*Your objective*
Between the line containing "#58=IFCINDEXEDPOLYGONALFACE((23,24,28,27));" and the line containing "#66=IFCINDEXEDPOLYGONALFACE((39,40,42,41));" lies a run of lines; give that run again exactly, with both of those lines, and nothing else from the entries below.
(Data in this exercise)
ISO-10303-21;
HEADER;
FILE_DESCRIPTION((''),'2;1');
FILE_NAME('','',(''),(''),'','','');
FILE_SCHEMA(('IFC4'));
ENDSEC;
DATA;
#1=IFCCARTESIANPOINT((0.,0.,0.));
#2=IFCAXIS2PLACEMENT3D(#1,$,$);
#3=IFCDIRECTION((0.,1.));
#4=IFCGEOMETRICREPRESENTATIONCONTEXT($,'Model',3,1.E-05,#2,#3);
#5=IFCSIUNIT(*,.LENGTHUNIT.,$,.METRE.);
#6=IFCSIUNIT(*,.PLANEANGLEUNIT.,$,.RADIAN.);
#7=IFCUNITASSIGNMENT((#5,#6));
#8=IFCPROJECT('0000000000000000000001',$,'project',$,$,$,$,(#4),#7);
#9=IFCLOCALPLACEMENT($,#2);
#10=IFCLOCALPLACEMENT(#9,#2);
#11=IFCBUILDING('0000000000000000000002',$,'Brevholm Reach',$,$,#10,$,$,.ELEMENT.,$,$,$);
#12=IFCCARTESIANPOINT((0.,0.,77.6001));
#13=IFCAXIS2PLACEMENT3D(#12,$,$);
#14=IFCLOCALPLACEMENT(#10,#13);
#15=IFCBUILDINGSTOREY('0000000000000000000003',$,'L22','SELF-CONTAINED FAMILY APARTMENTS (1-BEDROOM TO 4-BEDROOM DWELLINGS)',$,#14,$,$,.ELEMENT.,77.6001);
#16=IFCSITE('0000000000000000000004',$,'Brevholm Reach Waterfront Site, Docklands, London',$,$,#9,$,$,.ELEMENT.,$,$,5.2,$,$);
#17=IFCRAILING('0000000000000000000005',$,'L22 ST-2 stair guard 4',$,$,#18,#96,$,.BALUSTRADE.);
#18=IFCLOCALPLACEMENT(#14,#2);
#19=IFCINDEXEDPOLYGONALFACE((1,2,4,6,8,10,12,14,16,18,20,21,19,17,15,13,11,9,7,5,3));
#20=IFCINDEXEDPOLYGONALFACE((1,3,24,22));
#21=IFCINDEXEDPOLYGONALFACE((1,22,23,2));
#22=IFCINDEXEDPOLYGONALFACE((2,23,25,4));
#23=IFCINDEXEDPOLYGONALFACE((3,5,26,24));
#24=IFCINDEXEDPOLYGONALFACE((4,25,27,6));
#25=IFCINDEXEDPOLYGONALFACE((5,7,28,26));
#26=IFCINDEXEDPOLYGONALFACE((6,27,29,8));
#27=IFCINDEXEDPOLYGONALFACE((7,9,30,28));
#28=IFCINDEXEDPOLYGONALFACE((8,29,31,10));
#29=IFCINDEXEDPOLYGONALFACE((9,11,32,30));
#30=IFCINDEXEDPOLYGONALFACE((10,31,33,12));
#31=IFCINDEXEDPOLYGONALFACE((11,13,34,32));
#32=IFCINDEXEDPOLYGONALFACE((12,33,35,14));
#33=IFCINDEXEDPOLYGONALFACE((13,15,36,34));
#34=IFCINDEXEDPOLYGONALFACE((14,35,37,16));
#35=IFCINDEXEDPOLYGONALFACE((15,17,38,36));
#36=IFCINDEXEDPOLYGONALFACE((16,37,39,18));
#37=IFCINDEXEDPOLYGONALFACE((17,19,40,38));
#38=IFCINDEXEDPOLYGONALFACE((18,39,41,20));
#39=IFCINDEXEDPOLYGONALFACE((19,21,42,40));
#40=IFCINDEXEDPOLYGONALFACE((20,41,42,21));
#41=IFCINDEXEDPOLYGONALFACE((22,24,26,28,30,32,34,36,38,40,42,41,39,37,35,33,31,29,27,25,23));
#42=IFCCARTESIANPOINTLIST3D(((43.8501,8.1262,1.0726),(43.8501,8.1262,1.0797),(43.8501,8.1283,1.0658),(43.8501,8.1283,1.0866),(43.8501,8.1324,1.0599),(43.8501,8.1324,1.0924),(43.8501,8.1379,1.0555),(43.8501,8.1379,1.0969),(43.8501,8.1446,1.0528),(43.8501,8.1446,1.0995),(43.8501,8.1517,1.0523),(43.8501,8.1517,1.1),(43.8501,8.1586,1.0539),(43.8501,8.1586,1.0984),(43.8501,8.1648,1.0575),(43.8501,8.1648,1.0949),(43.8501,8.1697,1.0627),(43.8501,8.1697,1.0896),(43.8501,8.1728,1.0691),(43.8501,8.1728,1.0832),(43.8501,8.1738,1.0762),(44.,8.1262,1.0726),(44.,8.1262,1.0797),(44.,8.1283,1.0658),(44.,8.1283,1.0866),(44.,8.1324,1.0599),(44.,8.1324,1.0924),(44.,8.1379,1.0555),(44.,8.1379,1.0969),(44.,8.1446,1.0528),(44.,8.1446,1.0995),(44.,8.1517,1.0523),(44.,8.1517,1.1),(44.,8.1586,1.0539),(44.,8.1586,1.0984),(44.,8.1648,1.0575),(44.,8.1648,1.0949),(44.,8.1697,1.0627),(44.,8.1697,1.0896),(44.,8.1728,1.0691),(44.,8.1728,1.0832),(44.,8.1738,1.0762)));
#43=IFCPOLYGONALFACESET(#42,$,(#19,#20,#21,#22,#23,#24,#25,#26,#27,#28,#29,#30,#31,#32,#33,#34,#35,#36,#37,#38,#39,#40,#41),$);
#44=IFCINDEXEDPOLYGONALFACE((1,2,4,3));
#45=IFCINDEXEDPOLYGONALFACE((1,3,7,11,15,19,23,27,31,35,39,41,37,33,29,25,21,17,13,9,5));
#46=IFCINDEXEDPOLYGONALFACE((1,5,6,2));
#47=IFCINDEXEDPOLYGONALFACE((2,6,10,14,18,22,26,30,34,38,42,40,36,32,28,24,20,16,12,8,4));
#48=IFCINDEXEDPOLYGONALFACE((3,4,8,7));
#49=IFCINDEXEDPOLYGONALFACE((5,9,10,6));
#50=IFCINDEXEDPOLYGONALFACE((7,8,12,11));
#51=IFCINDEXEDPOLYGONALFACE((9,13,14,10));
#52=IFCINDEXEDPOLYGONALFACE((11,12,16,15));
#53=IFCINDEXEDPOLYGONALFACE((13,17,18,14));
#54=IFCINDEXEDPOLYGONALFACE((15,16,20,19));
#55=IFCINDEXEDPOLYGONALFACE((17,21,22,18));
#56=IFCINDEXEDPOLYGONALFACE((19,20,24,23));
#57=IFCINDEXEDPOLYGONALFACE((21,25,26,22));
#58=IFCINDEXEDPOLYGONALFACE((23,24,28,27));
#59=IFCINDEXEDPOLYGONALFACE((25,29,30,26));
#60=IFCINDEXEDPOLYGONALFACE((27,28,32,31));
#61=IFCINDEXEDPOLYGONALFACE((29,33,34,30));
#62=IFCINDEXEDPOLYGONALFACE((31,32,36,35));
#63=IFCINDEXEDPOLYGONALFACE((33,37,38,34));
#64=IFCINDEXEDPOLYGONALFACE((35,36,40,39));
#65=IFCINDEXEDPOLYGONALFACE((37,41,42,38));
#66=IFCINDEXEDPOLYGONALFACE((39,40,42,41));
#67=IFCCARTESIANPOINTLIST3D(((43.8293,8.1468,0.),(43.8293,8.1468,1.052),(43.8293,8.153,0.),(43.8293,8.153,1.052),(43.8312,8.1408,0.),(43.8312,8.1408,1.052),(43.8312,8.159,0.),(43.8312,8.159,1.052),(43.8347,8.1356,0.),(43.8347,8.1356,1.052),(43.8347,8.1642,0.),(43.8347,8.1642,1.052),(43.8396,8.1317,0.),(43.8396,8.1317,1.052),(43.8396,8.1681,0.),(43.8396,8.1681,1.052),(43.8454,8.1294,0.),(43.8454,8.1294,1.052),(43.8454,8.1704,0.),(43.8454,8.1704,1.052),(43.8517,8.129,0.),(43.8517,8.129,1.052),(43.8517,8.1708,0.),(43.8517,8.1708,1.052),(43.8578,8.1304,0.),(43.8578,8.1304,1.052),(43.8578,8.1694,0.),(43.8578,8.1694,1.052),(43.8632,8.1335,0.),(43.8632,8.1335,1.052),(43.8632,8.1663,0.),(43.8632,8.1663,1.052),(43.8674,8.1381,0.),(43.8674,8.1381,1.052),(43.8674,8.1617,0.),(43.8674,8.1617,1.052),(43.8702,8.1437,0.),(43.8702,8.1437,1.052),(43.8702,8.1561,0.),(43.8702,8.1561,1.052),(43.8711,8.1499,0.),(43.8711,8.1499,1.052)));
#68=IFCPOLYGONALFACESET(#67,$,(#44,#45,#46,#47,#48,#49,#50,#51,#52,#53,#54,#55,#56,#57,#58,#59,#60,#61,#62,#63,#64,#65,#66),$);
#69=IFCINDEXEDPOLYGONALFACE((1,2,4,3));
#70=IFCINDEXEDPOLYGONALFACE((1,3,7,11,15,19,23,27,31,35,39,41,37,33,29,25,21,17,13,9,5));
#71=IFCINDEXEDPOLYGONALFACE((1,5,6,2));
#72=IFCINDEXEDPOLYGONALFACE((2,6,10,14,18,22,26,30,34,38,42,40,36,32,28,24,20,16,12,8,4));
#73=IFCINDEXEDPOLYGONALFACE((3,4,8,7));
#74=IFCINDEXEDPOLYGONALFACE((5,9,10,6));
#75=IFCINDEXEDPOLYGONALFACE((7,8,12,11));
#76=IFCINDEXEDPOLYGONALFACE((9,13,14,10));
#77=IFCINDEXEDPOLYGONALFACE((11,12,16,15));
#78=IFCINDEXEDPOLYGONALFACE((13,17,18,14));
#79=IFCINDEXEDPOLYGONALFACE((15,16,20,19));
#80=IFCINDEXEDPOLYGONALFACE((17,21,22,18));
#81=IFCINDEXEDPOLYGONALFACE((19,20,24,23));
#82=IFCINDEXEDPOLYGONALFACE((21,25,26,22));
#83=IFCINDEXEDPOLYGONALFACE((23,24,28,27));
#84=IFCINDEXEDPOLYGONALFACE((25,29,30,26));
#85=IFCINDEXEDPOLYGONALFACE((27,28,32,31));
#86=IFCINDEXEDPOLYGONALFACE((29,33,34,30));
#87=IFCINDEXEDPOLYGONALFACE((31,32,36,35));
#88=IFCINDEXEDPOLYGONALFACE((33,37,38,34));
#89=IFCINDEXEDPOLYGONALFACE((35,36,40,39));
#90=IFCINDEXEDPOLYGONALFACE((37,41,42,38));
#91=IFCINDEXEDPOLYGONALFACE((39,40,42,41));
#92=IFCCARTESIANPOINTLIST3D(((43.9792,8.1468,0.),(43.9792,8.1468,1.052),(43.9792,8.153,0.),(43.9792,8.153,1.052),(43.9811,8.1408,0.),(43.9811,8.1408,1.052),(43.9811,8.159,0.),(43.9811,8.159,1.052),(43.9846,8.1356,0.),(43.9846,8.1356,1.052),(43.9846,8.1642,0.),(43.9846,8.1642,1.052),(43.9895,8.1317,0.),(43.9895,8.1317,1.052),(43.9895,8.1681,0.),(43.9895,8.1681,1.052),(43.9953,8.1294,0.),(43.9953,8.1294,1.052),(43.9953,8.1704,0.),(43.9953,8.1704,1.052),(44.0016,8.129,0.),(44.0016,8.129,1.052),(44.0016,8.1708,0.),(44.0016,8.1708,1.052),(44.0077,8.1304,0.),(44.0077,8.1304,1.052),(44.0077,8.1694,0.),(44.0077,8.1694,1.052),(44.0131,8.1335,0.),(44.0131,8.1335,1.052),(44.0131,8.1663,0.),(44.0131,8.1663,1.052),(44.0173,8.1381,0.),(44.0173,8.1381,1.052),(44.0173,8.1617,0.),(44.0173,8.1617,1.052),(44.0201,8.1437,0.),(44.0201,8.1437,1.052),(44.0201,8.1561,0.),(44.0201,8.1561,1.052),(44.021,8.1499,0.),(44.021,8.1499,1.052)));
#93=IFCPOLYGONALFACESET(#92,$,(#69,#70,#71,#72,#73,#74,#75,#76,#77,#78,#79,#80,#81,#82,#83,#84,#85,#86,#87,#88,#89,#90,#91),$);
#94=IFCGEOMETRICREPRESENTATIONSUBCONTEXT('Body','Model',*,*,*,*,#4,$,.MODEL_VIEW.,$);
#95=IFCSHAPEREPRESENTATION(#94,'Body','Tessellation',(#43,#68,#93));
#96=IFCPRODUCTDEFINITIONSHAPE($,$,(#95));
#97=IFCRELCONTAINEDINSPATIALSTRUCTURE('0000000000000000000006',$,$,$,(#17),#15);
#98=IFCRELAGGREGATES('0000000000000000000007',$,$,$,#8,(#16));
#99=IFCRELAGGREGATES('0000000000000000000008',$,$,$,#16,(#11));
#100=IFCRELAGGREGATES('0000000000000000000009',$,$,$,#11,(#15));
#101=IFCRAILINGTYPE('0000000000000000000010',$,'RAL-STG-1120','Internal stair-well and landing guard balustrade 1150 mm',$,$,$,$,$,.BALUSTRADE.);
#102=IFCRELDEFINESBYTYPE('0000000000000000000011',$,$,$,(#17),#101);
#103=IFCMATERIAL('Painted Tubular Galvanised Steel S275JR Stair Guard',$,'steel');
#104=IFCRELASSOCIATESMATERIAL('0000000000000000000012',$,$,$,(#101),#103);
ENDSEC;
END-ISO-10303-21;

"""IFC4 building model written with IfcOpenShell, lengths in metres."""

from ifc_helpers import new_model, si_unit, direction, frame, origin, origin_2d, place, context, subcontext, project, spatial, circle, extrude, material, type_object, element, save


model = new_model("IFC4")

# Units and contexts
model_context = context("Model", 3, precision=1e-05, world=origin(), true_north=direction((0.0, 1.0)))
body_context = subcontext(model_context, "Body", "Model", "MODEL_VIEW")
ifc_project = project(units=[si_unit("LENGTHUNIT", "METRE"), si_unit("PLANEANGLEUNIT", "RADIAN")], contexts=[model_context])

# Site, building, storey
site_placement = place(None, origin())
site = spatial("IfcSite", under=ifc_project, at=site_placement, Name="Brevholm Reach Waterfront Site, Docklands, London", CompositionType="ELEMENT", RefElevation=5.2)
building_placement = place(site_placement, origin())
building = spatial("IfcBuilding", under=site, at=building_placement, Name="Brevholm Reach", CompositionType="ELEMENT")
storey_placement = place(building_placement, frame((0.0, 0.0, 77.6001)))
storey = spatial("IfcBuildingStorey", under=building, at=storey_placement, Name="L22", Description="SELF-CONTAINED FAMILY APARTMENTS (1-BEDROOM TO 4-BEDROOM DWELLINGS)", CompositionType="ELEMENT", Elevation=77.6001)

# Railing
ifc_material_1 = material(Name="Painted Tubular Galvanised Steel S275JR Stair Guard", Category="steel")
railing_type_1 = type_object("IfcRailingType", Name="RAL-STG-1120", Description="Internal stair-well and landing guard balustrade 1150 mm", PredefinedType="BALUSTRADE", material=ifc_material_1)
railing_1_placement = place(storey_placement, frame((43.8501, 8.1499, 0.0)))
element("IfcRailing", 1, at=railing_1_placement, inside=storey, type_object=railing_type_1, Name="L22 ST-2 stair guard 4", PredefinedType="BALUSTRADE", context=body_context, shape_type="SweptSolid", body=[
    extrude(circle(Radius=0.0239, at=origin_2d()), frame((0.0, 0.0, 1.0762), z_axis=(1.0, 0.0, 0.0), x_axis=(0.0, 1.0, 0.0)), (0.0, 0.0, 1.0), 0.1499),
    extrude(circle(Radius=0.021, at=origin_2d()), origin(), (0.0, 0.0, 1.0), 1.052),
    extrude(circle(Radius=0.021, at=origin_2d()), frame((0.1499, 0.0, 0.0)), (0.0, 0.0, 1.0), 1.052),
])

save(model, "model.ifc")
(End Data in this exercise)
*Result for this exercise*
#58=IFCINDEXEDPOLYGONALFACE((23,24,28,27));
#59=IFCINDEXEDPOLYGONALFACE((25,29,30,26));
#60=IFCINDEXEDPOLYGONALFACE((27,28,32,31));
#61=IFCINDEXEDPOLYGONALFACE((29,33,34,30));
#62=IFCINDEXEDPOLYGONALFACE((31,32,36,35));
#63=IFCINDEXEDPOLYGONALFACE((33,37,38,34));
#64=IFCINDEXEDPOLYGONALFACE((35,36,40,39));
#65=IFCINDEXEDPOLYGONALFACE((37,41,42,38));
#66=IFCINDEXEDPOLYGONALFACE((39,40,42,41));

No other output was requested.